── Listed entries

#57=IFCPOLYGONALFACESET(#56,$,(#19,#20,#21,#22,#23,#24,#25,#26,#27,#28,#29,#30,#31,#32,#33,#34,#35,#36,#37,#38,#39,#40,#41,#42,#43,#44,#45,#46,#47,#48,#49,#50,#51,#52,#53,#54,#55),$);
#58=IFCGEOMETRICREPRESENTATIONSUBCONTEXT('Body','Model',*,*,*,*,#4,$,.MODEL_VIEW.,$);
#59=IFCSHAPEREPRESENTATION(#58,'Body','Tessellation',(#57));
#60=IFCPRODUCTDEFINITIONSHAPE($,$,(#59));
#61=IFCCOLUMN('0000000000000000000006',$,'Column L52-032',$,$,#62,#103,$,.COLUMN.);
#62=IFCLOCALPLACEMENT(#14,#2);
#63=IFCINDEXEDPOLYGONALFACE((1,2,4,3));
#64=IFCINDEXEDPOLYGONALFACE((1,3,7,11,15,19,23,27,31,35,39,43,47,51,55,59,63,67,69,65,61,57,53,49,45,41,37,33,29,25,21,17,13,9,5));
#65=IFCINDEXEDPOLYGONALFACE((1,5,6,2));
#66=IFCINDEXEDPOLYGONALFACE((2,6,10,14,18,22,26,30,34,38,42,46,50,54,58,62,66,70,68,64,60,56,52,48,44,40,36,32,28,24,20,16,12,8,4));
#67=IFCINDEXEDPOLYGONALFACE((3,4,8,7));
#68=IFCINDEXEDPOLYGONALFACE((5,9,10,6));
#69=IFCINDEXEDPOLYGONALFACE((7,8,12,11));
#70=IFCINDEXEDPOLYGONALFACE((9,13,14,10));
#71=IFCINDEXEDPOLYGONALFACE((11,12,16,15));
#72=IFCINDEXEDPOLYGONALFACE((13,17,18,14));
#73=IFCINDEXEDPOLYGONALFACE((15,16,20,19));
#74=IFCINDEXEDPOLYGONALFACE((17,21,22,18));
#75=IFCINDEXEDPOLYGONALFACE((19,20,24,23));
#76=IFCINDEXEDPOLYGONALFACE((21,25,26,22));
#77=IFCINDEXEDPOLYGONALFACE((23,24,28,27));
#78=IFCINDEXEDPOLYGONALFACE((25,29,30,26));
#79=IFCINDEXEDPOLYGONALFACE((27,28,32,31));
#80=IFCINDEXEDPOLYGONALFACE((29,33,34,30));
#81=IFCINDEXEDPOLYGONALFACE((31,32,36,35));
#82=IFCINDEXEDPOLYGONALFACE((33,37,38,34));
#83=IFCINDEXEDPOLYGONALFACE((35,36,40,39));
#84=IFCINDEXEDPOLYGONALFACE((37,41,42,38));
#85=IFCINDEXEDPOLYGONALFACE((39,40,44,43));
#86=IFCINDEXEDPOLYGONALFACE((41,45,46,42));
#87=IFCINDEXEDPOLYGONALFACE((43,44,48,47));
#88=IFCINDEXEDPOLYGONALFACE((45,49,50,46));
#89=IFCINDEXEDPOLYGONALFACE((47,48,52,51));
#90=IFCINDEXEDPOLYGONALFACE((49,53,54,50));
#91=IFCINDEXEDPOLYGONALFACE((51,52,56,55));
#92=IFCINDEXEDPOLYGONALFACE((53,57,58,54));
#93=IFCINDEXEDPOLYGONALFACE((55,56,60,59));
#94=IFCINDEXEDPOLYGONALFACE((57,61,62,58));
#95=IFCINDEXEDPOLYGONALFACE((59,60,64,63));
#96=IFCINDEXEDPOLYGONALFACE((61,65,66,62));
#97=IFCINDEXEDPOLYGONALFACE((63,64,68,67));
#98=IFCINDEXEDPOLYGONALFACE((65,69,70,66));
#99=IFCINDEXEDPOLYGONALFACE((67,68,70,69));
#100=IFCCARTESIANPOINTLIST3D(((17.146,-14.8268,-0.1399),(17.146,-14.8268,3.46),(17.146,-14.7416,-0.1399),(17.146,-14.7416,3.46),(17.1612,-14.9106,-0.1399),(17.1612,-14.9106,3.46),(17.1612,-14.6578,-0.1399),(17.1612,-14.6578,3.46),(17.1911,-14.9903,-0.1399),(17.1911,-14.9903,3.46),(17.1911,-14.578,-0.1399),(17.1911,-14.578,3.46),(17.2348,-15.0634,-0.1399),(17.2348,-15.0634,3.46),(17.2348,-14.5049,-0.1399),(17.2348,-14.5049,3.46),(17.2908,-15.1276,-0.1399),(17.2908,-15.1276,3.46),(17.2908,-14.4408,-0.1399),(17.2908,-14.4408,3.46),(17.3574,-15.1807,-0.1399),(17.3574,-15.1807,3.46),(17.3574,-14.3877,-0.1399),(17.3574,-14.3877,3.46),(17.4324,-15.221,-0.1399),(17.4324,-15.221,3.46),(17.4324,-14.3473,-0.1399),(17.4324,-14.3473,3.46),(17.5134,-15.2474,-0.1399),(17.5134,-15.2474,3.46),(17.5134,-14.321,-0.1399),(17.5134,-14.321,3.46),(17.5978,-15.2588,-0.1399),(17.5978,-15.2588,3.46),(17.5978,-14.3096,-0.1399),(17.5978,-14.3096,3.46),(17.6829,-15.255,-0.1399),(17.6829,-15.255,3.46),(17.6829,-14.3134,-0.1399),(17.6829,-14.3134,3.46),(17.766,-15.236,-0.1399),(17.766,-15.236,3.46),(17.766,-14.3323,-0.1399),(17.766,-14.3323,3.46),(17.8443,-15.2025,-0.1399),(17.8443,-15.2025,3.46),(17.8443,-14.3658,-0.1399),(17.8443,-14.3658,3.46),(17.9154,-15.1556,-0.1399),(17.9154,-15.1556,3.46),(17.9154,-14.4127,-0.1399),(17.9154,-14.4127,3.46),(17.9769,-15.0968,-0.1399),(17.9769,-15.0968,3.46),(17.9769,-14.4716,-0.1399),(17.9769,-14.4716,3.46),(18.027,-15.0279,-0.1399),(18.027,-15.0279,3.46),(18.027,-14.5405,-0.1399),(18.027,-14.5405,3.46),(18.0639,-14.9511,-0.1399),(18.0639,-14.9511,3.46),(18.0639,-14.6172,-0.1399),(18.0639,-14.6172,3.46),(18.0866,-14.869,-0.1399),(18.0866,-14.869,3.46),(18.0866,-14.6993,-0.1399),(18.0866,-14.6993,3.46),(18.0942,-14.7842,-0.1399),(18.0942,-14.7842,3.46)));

────
── Listed entries

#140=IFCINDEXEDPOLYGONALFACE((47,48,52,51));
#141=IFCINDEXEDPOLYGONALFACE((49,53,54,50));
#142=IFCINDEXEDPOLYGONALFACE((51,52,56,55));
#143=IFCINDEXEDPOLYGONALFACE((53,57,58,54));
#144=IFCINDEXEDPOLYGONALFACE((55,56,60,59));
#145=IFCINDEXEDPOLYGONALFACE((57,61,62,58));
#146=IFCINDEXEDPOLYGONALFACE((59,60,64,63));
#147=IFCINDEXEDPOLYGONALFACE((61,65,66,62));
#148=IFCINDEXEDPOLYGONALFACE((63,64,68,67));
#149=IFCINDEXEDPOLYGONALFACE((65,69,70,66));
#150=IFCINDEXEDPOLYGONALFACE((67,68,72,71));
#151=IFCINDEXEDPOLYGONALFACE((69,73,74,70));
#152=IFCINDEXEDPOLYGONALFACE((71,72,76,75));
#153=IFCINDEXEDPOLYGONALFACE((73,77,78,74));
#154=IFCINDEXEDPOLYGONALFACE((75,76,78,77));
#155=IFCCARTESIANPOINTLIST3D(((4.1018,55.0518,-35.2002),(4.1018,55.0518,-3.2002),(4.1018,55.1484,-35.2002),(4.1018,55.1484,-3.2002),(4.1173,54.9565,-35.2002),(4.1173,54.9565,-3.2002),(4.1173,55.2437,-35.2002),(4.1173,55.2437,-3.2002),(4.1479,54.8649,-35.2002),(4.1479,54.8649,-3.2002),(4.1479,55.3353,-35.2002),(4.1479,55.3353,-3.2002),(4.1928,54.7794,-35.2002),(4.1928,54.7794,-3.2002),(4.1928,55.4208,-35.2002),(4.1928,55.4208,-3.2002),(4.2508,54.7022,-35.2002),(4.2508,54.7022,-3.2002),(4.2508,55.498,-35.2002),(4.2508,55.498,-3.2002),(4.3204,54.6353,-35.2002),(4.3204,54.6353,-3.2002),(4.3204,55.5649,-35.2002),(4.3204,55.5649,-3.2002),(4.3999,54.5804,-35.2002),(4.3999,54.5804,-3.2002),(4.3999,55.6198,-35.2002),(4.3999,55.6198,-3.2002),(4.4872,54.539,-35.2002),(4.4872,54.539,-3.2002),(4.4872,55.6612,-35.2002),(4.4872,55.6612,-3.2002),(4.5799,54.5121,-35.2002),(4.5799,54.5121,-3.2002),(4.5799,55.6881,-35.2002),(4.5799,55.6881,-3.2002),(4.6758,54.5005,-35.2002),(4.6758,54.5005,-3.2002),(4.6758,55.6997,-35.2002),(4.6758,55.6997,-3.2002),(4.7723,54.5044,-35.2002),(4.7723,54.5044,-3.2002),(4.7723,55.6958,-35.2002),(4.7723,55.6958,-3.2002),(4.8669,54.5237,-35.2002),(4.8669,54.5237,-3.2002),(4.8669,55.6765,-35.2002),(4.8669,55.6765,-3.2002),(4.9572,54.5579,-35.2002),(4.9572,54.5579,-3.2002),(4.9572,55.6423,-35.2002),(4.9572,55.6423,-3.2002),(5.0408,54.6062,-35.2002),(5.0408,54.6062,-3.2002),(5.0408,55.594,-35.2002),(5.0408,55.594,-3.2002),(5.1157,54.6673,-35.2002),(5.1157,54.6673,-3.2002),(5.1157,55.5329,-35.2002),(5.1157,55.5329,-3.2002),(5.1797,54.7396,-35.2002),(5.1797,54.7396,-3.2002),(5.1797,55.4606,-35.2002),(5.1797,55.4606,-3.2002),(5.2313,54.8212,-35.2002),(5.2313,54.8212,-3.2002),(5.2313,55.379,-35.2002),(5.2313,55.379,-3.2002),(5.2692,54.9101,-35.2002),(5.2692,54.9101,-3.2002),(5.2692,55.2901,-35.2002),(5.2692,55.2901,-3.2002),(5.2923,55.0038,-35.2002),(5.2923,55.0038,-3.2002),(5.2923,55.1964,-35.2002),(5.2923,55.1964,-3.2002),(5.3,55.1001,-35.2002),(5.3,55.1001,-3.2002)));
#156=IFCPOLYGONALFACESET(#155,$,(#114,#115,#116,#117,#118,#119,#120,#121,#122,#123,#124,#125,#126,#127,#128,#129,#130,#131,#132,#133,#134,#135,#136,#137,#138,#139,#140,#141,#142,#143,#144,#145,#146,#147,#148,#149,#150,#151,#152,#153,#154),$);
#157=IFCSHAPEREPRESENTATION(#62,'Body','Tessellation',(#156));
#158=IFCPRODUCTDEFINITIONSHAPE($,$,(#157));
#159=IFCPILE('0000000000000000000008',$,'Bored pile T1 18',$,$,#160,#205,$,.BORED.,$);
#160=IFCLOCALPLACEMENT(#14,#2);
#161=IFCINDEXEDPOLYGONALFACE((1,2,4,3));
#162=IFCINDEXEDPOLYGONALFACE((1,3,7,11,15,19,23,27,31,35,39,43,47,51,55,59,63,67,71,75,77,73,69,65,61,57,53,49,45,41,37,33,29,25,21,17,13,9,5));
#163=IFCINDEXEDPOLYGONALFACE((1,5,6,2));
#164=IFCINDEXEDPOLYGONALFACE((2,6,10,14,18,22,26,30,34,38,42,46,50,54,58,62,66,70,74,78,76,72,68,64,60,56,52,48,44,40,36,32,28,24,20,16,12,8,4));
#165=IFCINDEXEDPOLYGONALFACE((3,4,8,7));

────
── Listed entries

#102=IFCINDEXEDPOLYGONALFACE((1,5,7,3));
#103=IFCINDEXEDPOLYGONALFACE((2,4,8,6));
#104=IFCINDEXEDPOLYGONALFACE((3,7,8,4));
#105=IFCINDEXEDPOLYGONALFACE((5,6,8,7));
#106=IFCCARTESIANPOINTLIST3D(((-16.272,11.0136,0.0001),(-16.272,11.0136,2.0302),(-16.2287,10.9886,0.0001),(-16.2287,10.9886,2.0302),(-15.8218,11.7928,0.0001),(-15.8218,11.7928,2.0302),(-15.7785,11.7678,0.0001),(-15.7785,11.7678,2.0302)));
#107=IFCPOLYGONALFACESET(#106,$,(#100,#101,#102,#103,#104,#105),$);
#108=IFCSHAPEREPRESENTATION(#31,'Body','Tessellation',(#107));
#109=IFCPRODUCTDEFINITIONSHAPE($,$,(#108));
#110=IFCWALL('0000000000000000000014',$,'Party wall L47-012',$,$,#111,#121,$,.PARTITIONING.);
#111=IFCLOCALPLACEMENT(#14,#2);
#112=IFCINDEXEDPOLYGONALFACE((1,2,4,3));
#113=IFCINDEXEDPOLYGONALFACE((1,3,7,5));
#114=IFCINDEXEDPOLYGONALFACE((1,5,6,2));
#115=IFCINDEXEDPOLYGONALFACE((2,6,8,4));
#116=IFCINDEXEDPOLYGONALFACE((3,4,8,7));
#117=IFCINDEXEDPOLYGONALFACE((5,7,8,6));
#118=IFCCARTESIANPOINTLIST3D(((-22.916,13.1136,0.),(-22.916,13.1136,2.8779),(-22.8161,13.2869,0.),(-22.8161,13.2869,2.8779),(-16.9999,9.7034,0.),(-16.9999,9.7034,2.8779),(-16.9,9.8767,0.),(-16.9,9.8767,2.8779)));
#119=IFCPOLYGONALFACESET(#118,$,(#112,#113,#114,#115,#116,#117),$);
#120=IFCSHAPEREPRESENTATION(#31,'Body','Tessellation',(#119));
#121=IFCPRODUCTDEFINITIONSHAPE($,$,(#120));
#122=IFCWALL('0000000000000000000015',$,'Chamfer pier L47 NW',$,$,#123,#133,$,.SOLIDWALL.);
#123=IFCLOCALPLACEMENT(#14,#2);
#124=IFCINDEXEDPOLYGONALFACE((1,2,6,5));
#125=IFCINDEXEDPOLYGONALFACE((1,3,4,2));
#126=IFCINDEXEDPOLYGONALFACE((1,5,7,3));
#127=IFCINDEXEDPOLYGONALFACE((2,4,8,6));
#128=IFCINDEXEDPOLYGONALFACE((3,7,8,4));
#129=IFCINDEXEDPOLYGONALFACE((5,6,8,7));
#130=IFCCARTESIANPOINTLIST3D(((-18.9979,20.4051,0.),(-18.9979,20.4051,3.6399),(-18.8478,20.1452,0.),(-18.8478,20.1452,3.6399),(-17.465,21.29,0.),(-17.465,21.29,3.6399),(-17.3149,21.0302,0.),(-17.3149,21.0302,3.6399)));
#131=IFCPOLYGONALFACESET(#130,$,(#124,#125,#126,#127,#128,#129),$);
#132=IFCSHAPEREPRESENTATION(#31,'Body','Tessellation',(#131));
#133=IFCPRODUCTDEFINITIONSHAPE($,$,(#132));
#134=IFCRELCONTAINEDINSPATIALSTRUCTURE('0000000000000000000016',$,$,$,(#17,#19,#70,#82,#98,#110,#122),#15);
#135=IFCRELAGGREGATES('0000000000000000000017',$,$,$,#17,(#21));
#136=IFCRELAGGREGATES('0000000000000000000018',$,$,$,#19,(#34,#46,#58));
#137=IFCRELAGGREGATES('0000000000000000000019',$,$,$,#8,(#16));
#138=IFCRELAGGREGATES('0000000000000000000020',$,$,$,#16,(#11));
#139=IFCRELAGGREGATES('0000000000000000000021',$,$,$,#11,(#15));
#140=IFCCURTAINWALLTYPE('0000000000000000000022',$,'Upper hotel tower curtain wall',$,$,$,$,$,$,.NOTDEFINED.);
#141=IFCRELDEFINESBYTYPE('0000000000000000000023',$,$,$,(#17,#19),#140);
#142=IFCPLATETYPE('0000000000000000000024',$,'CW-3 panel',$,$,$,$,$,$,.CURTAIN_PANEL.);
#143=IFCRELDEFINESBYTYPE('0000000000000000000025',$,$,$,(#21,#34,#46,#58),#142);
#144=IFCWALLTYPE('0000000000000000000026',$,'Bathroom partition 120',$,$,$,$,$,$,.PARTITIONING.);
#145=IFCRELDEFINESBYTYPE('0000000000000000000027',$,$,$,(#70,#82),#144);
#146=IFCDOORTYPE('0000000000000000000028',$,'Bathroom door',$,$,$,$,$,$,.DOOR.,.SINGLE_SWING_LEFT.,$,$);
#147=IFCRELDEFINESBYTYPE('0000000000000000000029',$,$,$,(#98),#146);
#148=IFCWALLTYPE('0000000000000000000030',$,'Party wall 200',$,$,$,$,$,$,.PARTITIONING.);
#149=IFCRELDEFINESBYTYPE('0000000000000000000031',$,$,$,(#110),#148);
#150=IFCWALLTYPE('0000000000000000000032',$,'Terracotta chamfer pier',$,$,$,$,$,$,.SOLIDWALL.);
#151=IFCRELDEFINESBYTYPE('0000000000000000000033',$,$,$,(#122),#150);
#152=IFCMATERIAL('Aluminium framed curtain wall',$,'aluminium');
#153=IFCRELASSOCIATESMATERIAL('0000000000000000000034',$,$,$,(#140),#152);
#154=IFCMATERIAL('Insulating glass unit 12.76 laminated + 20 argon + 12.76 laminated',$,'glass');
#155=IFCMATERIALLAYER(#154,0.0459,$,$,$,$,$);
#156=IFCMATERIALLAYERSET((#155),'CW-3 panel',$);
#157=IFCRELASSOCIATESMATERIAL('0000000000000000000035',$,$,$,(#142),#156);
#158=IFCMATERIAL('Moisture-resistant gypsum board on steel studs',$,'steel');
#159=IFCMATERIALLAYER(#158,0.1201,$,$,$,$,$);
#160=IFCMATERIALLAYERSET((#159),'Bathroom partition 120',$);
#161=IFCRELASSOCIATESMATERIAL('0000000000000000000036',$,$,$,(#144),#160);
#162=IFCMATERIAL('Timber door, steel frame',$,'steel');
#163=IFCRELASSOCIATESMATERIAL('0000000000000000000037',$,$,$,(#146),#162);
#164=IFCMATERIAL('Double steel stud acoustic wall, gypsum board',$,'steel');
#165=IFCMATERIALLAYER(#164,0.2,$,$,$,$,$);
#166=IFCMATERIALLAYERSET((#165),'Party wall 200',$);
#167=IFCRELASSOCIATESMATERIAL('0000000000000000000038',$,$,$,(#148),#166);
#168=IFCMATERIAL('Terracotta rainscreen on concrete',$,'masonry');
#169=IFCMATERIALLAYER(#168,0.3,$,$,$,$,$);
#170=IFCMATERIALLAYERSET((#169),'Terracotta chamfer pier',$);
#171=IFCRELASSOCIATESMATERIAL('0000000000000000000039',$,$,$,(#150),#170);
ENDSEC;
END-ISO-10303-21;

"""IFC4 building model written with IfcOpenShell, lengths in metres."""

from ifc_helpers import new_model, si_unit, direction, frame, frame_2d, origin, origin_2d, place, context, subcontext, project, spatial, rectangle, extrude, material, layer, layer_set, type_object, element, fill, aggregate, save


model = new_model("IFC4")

────

= Exercise objective =
Print exactly the lines above, between the one holding "#164=IFCMATERIAL('Double steel stud" and the one holding "building model written", inclusive, and nothing besides.

= Task response =
#164=IFCMATERIAL('Double steel stud acoustic wall, gypsum board',$,'steel');
#165=IFCMATERIALLAYER(#164,0.2,$,$,$,$,$);
#166=IFCMATERIALLAYERSET((#165),'Party wall 200',$);
#167=IFCRELASSOCIATESMATERIAL('0000000000000000000038',$,$,$,(#148),#166);
#168=IFCMATERIAL('Terracotta rainscreen on concrete',$,'masonry');
#169=IFCMATERIALLAYER(#168,0.3,$,$,$,$,$);
#170=IFCMATERIALLAYERSET((#169),'Terracotta chamfer pier',$);
#171=IFCRELASSOCIATESMATERIAL('0000000000000000000039',$,$,$,(#150),#170);
ENDSEC;
END-ISO-10303-21;

"""IFC4 building model written with IfcOpenShell, lengths in metres."""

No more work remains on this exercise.